╭─ Data to examine

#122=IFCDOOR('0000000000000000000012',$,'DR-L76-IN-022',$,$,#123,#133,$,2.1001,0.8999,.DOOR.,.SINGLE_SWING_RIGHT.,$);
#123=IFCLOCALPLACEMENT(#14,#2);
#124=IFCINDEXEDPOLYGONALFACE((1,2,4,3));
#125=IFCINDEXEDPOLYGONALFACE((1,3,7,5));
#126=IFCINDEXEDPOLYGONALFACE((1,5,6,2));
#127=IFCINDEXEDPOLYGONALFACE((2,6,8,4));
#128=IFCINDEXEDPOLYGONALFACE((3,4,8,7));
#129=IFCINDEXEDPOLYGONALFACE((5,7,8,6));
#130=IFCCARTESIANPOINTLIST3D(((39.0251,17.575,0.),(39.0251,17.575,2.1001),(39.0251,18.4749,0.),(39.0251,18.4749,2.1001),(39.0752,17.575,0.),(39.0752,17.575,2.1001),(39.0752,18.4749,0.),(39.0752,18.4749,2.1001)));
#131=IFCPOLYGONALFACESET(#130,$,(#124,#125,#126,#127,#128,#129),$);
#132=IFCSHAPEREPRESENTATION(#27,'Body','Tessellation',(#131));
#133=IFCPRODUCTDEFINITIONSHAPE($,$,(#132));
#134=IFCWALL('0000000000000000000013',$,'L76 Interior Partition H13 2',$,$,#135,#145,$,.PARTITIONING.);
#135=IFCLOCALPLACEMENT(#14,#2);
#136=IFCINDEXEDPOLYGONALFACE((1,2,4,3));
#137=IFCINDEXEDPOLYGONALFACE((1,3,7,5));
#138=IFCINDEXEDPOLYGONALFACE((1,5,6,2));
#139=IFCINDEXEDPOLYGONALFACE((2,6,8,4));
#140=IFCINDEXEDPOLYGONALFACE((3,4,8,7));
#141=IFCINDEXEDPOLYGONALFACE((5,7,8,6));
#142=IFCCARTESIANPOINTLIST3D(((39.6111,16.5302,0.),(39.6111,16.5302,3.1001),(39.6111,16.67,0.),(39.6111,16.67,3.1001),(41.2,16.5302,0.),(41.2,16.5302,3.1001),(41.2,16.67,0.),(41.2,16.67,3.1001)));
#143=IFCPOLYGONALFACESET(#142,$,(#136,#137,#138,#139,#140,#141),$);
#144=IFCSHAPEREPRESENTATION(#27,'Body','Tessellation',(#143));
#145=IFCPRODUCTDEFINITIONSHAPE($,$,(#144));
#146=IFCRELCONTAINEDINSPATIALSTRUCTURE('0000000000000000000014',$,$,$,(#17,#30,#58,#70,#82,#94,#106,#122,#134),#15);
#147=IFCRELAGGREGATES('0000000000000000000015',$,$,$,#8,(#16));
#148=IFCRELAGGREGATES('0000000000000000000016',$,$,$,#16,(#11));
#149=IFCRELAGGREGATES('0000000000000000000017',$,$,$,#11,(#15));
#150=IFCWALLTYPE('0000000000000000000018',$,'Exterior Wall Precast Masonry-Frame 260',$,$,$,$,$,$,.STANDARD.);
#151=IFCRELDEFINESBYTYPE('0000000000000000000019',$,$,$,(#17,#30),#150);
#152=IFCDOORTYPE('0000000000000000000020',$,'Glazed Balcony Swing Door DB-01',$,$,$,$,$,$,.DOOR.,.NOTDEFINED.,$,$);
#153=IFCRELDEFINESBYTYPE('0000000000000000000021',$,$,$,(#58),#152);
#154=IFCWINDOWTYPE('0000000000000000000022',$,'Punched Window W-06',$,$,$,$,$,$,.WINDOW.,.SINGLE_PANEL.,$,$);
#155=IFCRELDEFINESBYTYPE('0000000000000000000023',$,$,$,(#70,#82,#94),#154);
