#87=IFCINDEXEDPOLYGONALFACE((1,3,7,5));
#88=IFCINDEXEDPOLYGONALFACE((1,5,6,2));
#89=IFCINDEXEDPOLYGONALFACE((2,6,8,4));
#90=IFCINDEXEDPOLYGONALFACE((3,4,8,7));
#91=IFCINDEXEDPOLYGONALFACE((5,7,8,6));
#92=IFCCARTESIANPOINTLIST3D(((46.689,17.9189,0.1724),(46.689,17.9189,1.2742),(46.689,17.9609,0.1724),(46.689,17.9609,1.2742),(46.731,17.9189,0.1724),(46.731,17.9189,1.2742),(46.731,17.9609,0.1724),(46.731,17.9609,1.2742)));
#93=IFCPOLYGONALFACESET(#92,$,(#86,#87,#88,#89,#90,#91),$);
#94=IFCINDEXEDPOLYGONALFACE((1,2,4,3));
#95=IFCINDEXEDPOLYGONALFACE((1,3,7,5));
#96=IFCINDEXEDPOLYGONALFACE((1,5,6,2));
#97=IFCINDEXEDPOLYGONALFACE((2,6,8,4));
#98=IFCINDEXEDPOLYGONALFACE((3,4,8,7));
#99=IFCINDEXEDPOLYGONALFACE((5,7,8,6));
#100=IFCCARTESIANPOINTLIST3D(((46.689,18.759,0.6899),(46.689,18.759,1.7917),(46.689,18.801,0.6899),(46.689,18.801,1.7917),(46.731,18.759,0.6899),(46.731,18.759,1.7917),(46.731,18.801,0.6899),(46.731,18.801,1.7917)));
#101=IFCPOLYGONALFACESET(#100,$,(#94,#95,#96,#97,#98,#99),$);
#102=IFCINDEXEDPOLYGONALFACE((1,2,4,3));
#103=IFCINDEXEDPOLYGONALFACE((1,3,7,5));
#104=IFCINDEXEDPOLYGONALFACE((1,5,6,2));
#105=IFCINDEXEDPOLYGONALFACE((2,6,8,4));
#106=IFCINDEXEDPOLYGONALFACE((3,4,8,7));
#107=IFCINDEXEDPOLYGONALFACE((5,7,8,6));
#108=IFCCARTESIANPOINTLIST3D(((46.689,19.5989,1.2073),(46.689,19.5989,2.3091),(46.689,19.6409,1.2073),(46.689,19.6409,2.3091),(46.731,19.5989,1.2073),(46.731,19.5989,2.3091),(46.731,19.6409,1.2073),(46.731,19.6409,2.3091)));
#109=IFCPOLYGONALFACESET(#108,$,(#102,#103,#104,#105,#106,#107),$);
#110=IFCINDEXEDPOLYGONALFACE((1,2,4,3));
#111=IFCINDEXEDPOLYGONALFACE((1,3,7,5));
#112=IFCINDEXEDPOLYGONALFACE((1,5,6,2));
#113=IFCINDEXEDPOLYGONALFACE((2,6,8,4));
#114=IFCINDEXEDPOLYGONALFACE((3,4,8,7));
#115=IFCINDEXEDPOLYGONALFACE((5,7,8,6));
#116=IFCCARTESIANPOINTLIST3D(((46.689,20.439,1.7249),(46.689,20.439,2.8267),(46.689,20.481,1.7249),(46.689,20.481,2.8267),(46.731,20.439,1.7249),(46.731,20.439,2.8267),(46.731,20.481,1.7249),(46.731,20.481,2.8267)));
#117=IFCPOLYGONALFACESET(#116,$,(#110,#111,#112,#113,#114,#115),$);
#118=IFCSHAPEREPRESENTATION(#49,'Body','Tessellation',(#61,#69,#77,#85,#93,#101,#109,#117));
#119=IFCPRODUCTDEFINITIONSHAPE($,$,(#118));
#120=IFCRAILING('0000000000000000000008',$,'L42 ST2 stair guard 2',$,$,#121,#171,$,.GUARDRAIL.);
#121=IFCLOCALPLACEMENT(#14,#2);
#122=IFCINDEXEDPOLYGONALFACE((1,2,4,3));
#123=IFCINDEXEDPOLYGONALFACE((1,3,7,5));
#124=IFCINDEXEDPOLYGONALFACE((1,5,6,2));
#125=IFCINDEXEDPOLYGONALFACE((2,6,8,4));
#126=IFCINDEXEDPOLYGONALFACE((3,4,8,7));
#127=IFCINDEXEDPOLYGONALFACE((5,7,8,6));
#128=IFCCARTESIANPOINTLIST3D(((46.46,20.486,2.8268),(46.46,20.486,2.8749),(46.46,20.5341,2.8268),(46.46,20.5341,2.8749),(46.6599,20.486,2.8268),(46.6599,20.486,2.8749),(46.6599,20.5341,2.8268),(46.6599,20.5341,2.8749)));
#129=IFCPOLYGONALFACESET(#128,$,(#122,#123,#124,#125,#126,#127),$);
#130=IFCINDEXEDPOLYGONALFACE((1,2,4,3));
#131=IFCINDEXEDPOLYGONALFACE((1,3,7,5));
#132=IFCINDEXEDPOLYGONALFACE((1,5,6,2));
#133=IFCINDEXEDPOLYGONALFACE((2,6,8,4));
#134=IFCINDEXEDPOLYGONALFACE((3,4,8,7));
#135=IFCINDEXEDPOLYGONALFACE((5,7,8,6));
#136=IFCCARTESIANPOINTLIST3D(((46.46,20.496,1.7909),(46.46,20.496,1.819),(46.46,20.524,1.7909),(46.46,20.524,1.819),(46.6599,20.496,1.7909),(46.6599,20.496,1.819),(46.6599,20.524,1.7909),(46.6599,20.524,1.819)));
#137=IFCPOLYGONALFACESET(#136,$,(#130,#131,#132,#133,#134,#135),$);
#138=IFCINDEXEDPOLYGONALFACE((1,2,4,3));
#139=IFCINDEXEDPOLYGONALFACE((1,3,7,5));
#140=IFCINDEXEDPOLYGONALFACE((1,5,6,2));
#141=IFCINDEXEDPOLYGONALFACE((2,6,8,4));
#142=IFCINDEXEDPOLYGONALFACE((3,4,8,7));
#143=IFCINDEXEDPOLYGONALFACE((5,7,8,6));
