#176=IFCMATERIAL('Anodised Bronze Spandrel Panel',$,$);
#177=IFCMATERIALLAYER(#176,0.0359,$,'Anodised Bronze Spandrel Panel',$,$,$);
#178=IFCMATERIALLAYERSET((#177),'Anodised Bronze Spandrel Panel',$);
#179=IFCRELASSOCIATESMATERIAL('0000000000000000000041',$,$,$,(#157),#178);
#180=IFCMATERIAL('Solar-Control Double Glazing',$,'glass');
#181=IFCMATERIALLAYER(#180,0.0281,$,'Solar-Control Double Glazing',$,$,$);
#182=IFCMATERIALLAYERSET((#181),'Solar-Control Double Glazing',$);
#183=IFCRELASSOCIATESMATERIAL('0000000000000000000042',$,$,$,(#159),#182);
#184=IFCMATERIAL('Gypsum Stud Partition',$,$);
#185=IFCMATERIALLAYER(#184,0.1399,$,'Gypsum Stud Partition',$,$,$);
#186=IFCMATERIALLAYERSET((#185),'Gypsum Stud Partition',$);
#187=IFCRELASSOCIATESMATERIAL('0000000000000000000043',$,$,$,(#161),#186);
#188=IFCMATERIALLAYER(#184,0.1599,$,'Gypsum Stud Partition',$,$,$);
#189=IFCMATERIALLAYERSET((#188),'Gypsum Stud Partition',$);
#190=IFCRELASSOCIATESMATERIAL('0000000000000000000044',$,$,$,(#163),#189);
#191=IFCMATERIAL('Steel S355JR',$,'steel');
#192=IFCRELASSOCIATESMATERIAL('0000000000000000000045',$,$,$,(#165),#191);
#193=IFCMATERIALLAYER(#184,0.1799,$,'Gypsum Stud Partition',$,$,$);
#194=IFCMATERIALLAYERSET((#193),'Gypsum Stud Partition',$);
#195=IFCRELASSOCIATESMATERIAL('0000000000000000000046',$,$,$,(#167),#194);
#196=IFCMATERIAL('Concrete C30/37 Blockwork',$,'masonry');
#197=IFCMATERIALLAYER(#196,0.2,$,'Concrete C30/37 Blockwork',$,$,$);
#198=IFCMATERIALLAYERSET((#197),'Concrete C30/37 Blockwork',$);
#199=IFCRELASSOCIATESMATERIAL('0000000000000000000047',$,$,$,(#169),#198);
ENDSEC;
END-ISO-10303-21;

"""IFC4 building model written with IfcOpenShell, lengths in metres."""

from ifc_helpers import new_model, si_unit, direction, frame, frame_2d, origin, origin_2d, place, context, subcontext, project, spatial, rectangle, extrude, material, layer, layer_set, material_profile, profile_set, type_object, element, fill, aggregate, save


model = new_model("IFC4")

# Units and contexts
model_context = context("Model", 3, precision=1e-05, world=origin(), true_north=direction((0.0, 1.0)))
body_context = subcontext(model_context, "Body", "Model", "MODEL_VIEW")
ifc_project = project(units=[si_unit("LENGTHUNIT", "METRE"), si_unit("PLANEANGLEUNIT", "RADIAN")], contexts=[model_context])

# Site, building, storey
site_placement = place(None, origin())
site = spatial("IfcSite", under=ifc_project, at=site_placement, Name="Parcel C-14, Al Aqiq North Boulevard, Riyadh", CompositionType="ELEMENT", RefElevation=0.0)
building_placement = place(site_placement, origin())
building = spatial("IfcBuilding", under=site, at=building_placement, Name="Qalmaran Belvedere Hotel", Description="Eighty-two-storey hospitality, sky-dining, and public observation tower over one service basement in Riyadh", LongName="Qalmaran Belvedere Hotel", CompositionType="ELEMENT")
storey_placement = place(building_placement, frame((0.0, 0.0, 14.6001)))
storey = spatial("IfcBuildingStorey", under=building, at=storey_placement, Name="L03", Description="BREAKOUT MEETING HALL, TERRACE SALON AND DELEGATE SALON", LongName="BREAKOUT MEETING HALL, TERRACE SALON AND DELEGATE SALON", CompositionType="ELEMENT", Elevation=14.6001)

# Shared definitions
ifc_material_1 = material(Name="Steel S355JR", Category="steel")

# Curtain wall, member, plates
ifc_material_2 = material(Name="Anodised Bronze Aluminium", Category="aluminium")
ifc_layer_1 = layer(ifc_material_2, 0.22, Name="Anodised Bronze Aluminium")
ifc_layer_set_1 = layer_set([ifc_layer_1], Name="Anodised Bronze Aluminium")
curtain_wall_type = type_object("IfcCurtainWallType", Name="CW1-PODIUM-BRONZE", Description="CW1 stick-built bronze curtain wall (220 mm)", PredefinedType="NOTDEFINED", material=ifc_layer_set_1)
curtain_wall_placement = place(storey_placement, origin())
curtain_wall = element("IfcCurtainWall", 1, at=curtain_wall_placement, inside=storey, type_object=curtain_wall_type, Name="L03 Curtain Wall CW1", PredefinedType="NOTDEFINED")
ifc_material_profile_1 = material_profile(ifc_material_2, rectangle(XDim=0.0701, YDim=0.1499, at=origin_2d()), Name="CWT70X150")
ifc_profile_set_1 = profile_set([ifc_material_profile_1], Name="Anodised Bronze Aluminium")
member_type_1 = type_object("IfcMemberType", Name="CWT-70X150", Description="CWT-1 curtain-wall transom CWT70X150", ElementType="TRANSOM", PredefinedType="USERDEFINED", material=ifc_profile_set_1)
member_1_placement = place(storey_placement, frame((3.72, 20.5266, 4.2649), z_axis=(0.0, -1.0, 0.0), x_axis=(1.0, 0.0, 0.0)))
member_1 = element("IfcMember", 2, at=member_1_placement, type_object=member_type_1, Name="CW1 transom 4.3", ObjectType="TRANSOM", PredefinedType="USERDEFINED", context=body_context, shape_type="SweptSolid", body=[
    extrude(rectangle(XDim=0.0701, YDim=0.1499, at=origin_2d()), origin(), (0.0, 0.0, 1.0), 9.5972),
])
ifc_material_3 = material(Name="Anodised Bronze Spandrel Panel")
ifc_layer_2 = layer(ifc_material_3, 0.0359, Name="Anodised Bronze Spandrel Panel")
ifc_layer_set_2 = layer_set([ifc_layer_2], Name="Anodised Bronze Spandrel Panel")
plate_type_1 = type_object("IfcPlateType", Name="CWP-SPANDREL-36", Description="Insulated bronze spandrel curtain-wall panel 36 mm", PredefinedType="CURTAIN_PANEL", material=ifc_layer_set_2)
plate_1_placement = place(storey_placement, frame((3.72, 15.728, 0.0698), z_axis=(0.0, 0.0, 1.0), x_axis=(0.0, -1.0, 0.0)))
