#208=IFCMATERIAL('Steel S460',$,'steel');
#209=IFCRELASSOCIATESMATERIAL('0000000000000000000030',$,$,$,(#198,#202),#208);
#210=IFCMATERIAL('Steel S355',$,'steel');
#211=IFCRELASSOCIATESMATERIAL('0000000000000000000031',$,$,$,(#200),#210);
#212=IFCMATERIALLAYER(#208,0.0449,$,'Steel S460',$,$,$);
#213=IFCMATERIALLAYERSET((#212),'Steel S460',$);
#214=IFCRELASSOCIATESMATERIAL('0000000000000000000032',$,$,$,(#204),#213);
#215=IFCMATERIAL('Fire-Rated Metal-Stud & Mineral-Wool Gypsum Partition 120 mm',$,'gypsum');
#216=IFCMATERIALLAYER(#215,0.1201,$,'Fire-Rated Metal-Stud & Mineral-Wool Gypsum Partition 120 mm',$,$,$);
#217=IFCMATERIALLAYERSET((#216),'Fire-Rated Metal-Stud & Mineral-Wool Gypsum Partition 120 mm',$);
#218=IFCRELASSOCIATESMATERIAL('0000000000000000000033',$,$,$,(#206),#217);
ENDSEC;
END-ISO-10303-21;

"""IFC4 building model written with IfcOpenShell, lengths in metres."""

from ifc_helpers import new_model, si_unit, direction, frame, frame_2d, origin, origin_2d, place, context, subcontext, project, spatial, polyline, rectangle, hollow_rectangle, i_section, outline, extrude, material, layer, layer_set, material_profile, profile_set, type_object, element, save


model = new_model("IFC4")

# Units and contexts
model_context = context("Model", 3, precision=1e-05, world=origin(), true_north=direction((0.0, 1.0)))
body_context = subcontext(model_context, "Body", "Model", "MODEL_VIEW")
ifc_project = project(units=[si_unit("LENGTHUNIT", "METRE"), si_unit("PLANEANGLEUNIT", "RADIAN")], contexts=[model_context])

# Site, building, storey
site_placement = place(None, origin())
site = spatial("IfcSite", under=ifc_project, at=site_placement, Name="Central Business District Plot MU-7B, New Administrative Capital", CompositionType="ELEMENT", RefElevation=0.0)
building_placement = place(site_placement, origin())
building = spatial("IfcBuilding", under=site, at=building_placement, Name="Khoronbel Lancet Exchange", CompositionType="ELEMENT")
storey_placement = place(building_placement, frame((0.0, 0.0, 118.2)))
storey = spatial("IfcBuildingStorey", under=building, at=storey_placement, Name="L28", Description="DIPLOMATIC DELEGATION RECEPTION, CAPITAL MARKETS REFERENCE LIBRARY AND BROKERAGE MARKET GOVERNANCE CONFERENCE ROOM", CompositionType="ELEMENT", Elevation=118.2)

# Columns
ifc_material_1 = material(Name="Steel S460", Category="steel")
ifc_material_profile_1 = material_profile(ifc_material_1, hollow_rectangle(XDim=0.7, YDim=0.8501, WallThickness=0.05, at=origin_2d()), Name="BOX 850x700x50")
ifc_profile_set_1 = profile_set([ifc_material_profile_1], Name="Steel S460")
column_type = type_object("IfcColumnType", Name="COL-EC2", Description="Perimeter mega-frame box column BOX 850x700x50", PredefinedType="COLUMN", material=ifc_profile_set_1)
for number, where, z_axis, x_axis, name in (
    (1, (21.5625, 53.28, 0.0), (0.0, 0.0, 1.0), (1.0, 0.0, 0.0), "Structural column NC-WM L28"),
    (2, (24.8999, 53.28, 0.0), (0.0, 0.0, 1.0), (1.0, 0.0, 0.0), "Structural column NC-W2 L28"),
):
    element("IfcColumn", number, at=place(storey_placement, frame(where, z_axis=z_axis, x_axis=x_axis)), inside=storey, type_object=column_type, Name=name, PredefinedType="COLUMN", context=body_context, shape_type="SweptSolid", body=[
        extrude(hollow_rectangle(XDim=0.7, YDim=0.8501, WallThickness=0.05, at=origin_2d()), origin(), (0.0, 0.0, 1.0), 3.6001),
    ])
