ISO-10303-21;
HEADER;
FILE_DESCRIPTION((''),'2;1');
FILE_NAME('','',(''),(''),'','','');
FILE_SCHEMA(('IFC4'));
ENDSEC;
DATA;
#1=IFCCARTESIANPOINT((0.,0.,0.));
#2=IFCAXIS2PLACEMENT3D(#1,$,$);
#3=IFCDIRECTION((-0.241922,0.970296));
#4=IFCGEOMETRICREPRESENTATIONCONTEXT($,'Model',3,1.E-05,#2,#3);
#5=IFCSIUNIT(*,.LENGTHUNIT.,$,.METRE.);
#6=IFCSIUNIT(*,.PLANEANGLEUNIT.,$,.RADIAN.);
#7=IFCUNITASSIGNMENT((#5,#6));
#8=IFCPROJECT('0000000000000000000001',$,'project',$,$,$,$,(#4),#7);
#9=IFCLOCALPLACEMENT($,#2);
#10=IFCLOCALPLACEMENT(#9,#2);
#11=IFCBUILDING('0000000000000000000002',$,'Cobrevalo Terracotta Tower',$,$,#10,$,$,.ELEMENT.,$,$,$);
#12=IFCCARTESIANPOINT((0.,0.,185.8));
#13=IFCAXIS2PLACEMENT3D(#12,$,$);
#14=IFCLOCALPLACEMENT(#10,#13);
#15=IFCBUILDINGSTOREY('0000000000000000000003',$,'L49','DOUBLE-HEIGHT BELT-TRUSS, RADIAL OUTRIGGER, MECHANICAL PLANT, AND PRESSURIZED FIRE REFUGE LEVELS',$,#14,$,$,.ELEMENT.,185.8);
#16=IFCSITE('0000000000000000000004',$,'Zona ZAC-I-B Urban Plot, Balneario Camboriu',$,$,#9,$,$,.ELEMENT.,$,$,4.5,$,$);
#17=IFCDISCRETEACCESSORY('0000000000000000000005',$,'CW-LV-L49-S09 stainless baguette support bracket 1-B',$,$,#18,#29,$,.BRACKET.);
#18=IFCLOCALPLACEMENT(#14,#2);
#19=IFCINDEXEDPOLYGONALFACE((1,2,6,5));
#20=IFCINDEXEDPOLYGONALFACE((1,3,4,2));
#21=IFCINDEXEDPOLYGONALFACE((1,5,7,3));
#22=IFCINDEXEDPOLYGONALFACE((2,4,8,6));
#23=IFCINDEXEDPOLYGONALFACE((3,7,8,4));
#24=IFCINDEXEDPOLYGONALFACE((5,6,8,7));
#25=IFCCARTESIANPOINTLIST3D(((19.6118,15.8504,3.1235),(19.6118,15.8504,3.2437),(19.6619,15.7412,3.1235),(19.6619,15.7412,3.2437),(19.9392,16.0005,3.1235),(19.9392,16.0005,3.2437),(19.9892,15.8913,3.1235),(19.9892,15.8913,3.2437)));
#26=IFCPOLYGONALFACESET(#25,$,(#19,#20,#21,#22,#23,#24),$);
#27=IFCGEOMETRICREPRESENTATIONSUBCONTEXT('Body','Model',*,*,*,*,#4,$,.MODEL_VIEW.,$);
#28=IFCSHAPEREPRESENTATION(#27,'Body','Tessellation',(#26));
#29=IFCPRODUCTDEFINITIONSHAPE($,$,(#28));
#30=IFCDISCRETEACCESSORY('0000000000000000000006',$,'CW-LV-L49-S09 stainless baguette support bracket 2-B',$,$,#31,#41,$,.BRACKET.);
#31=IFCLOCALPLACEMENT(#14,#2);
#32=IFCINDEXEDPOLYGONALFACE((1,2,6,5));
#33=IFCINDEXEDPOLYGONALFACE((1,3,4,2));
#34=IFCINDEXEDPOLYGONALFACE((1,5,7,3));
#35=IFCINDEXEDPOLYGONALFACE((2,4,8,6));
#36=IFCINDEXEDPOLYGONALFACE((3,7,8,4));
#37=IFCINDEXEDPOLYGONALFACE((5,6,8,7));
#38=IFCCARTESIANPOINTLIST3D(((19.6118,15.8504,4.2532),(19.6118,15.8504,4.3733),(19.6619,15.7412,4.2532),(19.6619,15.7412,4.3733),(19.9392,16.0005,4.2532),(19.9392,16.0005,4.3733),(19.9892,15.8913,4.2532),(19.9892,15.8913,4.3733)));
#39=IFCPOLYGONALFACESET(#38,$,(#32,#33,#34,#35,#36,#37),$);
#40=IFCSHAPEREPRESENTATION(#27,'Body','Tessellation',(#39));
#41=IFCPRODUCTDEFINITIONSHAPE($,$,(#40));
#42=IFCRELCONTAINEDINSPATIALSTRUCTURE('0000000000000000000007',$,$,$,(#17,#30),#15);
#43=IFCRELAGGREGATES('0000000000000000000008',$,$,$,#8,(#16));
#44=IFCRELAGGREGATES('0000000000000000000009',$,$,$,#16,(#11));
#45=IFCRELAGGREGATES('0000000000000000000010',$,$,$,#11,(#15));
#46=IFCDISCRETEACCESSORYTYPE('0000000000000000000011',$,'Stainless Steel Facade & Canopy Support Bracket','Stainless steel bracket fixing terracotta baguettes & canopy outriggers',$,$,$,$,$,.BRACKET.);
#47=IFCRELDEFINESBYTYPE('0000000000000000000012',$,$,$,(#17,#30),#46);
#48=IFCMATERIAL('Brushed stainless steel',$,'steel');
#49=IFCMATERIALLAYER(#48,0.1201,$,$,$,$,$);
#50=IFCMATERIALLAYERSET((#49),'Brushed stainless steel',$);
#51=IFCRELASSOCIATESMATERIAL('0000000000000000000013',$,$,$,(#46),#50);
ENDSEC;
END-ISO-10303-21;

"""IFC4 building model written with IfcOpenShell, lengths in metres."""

from ifc_helpers import new_model, si_unit, direction, frame, origin, origin_2d, place, context, subcontext, project, spatial, rectangle, extrude, source, transform, mapped, material, layer, layer_set, type_object, element, save


model = new_model("IFC4")

# Units and contexts
model_context = context("Model", 3, precision=1e-05, world=origin(), true_north=direction((-0.241922, 0.970296)))
body_context = subcontext(model_context, "Body", "Model", "MODEL_VIEW")
ifc_project = project(units=[si_unit("LENGTHUNIT", "METRE"), si_unit("PLANEANGLEUNIT", "RADIAN")], contexts=[model_context])

# Site, building, storey
site_placement = place(None, origin())
site = spatial("IfcSite", under=ifc_project, at=site_placement, Name="Zona ZAC-I-B Urban Plot, Balneario Camboriu", CompositionType="ELEMENT", RefElevation=4.5)
building_placement = place(site_placement, origin())
building = spatial("IfcBuilding", under=site, at=building_placement, Name="Cobrevalo Terracotta Tower", CompositionType="ELEMENT")
storey_placement = place(building_placement, frame((0.0, 0.0, 185.8)))
storey = spatial("IfcBuildingStorey", under=building, at=storey_placement, Name="L49", Description="DOUBLE-HEIGHT BELT-TRUSS, RADIAL OUTRIGGER, MECHANICAL PLANT, AND PRESSURIZED FIRE REFUGE LEVELS", CompositionType="ELEMENT", Elevation=185.8)

# Discrete accessories
ifc_material_1 = material(Name="Brushed stainless steel", Category="steel")
ifc_layer_1 = layer(ifc_material_1, 0.1201)
ifc_layer_set_1 = layer_set([ifc_layer_1], Name="Brushed stainless steel")
discrete_accessory_type = type_object("IfcDiscreteAccessoryType", Name="Stainless Steel Facade & Canopy Support Bracket", Description="Stainless steel bracket fixing terracotta baguettes & canopy outriggers", PredefinedType="BRACKET", material=ifc_layer_set_1)
shared_shape_1 = source(origin(), body_context, "Body", "SweptSolid", [
    extrude(rectangle(XDim=0.1201, YDim=0.3601, at=origin_2d()), origin(), (0.0, 0.0, 1.0), 0.1201),
])
for number, where, z_axis, x_axis, name in (
    (1, (19.8005, 15.8708, 3.1235), (0.0, 0.0, 1.0), (0.416731, -0.90903, 0.0), "CW-LV-L49-S09 stainless baguette support bracket 1-B"),
    (2, (19.8005, 15.8708, 4.2532), (0.0, 0.0, 1.0), (0.416731, -0.90903, 0.0), "CW-LV-L49-S09 stainless baguette support bracket 2-B"),
):
    element("IfcDiscreteAccessory", number, at=place(storey_placement, frame(where, z_axis=z_axis, x_axis=x_axis)), inside=storey, type_object=discrete_accessory_type, Name=name, PredefinedType="BRACKET", context=body_context, shape_type="MappedRepresentation", body=[
        mapped(shared_shape_1, transform((0.0, 0.0, 0.0), scale=1.0)),
    ])

save(model, "model.ifc")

╰─

### Exercise instructions:
Within the records, how many lines carry the word "LongName"? Reply with the figure alone.

### Exercise answer:
2